■ **TASK PROMPT**:
Report the count of lines in the records below that hold the word "RelatedObjects", omitting everything but the number.
+++ SOURCE MATERIAL
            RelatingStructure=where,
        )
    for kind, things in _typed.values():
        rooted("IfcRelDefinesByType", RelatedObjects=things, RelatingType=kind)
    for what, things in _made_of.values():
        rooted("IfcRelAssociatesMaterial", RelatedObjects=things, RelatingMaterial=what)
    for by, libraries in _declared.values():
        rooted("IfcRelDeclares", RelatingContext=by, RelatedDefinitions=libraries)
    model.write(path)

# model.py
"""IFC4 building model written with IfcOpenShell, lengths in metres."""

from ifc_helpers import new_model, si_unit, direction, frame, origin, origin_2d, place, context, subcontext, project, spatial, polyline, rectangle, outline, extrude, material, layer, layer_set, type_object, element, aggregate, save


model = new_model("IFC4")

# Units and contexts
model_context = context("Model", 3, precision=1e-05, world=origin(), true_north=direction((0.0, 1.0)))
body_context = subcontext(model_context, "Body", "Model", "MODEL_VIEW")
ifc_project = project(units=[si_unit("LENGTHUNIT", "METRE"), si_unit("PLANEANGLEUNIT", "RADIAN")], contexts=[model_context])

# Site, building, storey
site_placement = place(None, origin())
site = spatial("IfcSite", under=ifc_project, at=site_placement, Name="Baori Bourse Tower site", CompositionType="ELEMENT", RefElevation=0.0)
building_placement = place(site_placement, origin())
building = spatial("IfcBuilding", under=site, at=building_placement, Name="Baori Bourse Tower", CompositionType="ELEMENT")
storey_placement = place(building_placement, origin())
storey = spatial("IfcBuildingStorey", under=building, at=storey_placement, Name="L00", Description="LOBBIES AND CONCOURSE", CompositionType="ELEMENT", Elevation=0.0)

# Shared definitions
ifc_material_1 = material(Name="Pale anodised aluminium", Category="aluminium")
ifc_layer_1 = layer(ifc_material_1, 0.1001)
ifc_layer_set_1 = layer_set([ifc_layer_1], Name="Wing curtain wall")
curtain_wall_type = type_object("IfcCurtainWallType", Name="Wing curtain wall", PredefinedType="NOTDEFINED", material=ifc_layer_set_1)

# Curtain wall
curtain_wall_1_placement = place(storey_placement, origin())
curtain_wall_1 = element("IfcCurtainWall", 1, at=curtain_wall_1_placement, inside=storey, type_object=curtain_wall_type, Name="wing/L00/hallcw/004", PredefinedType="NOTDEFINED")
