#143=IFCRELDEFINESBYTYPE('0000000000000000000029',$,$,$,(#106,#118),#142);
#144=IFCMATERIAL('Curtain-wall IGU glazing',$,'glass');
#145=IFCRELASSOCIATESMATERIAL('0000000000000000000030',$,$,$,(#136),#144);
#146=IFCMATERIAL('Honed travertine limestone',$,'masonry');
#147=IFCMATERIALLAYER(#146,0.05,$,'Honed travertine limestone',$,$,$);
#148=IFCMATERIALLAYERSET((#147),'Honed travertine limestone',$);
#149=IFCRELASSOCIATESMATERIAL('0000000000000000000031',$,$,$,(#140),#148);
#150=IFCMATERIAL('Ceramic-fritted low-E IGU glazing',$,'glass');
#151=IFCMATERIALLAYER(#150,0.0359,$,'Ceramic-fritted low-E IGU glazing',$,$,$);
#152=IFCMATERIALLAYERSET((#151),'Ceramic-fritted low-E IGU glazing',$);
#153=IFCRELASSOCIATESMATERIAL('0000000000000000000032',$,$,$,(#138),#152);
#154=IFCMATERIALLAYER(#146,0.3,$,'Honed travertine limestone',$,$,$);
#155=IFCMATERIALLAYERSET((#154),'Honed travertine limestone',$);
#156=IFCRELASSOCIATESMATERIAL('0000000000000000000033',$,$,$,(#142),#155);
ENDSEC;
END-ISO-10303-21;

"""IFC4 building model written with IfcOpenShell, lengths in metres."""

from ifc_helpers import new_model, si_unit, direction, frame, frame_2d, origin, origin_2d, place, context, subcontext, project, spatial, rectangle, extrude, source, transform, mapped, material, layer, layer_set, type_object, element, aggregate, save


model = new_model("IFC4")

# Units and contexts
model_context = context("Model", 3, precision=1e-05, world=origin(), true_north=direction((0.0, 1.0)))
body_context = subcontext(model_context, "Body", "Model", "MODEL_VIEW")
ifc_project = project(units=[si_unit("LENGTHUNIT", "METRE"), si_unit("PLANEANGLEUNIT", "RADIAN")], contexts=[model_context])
++++++
+++ SOURCE MATERIAL
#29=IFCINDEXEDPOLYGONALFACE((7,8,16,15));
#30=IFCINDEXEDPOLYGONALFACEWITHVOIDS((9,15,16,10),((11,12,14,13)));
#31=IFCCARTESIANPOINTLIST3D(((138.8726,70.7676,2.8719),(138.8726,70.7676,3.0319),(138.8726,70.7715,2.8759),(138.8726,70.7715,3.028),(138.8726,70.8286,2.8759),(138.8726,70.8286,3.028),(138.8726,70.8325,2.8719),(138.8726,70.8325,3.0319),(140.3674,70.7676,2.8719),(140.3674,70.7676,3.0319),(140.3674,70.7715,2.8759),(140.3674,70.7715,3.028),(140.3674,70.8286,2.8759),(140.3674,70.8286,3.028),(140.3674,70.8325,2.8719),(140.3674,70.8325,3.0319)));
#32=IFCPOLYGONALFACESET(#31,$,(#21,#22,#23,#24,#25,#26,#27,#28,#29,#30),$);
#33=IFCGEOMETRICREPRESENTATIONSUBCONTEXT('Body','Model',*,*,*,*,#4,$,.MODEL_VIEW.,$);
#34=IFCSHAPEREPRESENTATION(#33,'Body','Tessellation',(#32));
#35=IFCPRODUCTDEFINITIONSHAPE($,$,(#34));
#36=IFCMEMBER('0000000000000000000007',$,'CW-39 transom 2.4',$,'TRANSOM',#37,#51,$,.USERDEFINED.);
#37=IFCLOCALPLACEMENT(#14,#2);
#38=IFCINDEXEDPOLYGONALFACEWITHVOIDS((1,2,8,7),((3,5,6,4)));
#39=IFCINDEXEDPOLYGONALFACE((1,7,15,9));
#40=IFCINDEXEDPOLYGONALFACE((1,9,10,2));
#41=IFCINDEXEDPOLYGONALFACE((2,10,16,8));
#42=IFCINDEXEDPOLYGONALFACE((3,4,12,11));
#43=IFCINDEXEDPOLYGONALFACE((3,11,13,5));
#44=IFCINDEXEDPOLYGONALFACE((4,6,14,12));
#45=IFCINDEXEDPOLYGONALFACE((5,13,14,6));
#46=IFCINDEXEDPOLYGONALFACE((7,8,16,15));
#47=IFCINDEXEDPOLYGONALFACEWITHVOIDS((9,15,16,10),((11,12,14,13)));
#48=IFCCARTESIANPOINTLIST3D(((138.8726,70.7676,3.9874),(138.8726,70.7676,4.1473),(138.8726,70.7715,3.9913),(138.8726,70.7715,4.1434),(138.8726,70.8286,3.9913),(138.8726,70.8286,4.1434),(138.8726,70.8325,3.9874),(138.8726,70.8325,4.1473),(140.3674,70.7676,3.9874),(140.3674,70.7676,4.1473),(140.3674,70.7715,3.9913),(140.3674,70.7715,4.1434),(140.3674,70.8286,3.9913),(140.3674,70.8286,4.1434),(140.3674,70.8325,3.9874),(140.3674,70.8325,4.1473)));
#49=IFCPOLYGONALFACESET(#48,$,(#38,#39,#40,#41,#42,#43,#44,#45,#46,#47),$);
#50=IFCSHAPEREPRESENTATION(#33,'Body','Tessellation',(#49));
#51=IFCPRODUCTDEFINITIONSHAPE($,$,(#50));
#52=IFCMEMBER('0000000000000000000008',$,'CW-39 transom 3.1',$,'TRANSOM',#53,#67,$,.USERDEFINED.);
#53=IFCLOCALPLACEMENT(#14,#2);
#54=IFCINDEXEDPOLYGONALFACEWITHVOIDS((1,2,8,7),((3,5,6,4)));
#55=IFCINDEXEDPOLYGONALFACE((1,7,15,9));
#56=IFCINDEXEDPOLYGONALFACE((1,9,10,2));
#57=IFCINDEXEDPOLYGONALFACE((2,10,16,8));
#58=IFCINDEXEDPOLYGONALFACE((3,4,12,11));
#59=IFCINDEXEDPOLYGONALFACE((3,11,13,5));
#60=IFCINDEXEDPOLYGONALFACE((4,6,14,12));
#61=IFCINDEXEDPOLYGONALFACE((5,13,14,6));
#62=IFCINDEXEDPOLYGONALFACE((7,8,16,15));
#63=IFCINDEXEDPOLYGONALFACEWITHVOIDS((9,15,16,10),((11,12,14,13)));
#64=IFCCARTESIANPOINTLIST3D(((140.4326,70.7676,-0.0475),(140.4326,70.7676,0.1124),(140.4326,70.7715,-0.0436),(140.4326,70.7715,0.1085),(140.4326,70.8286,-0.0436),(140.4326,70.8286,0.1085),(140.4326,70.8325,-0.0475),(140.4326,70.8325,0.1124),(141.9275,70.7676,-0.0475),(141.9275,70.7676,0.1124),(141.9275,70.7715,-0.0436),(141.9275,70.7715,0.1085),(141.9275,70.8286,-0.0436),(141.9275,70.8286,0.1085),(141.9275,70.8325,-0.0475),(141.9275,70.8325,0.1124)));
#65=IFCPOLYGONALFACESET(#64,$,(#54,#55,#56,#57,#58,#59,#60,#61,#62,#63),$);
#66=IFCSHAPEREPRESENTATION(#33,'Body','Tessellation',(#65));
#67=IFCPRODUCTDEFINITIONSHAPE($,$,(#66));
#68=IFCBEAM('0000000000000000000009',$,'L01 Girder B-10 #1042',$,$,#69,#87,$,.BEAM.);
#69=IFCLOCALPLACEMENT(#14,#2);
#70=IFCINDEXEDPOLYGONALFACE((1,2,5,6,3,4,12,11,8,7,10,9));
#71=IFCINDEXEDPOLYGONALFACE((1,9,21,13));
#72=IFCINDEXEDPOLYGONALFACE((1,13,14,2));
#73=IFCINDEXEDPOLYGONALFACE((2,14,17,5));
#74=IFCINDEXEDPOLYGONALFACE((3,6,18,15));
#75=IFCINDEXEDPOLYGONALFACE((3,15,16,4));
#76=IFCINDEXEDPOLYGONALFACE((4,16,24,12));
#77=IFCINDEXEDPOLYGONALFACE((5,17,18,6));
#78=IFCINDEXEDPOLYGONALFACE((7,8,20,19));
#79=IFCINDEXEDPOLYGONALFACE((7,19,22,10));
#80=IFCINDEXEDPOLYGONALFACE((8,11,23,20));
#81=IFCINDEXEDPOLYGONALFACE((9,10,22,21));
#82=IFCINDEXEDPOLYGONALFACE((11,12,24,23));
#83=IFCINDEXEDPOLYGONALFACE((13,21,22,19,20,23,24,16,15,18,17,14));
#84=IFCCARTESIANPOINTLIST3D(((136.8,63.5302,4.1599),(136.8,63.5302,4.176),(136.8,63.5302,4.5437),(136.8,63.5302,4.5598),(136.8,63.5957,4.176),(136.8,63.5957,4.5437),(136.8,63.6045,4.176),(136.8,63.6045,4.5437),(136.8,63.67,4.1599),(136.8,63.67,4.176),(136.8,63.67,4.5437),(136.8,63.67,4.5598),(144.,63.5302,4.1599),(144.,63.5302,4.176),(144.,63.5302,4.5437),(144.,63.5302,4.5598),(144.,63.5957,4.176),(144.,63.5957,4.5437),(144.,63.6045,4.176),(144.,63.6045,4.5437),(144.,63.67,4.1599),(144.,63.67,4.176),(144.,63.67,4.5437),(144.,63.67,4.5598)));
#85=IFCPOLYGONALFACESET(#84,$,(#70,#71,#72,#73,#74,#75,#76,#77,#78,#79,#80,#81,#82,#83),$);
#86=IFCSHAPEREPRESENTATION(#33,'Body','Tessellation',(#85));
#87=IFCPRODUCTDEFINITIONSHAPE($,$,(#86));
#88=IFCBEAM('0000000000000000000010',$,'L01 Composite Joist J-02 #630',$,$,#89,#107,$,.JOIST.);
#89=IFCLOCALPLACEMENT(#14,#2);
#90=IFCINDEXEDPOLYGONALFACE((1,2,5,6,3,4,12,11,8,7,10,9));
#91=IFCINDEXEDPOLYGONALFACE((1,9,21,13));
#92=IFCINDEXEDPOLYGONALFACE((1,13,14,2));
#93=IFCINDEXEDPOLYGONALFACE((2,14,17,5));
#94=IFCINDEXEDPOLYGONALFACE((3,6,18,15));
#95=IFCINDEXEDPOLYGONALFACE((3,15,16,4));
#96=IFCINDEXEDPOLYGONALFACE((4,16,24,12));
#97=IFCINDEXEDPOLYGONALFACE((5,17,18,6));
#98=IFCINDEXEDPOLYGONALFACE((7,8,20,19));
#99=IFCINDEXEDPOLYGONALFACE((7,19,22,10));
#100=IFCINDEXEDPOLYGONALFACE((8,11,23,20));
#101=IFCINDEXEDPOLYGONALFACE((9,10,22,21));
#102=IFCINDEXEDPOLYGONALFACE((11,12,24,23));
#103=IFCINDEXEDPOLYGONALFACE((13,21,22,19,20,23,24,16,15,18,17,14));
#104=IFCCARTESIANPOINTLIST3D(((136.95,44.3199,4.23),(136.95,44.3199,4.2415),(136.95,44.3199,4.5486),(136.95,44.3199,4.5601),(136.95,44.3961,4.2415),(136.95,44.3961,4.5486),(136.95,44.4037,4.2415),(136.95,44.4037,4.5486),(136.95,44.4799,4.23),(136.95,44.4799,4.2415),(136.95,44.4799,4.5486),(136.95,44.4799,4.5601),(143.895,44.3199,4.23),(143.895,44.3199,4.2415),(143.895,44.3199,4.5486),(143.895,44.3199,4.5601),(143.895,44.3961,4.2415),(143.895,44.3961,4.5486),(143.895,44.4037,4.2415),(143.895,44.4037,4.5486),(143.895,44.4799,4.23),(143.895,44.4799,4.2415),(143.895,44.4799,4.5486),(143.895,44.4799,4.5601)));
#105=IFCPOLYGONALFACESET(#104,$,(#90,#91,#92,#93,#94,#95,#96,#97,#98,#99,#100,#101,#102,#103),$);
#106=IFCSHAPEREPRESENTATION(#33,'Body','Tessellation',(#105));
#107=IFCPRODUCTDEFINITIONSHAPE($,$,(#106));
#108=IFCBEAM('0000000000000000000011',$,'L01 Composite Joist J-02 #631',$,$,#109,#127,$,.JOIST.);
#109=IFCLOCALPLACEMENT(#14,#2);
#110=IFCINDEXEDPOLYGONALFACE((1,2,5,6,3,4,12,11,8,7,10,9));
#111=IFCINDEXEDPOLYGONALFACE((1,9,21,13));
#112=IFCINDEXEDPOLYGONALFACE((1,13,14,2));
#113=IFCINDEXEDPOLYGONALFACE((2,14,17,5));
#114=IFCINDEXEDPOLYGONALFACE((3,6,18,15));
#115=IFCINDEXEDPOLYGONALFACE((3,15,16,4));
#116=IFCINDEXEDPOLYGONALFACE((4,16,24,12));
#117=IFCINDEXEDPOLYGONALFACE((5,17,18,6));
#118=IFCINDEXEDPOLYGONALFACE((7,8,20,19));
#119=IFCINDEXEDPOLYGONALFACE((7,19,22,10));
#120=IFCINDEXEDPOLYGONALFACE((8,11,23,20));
++++++
■ **WRITTEN ANSWER**:
2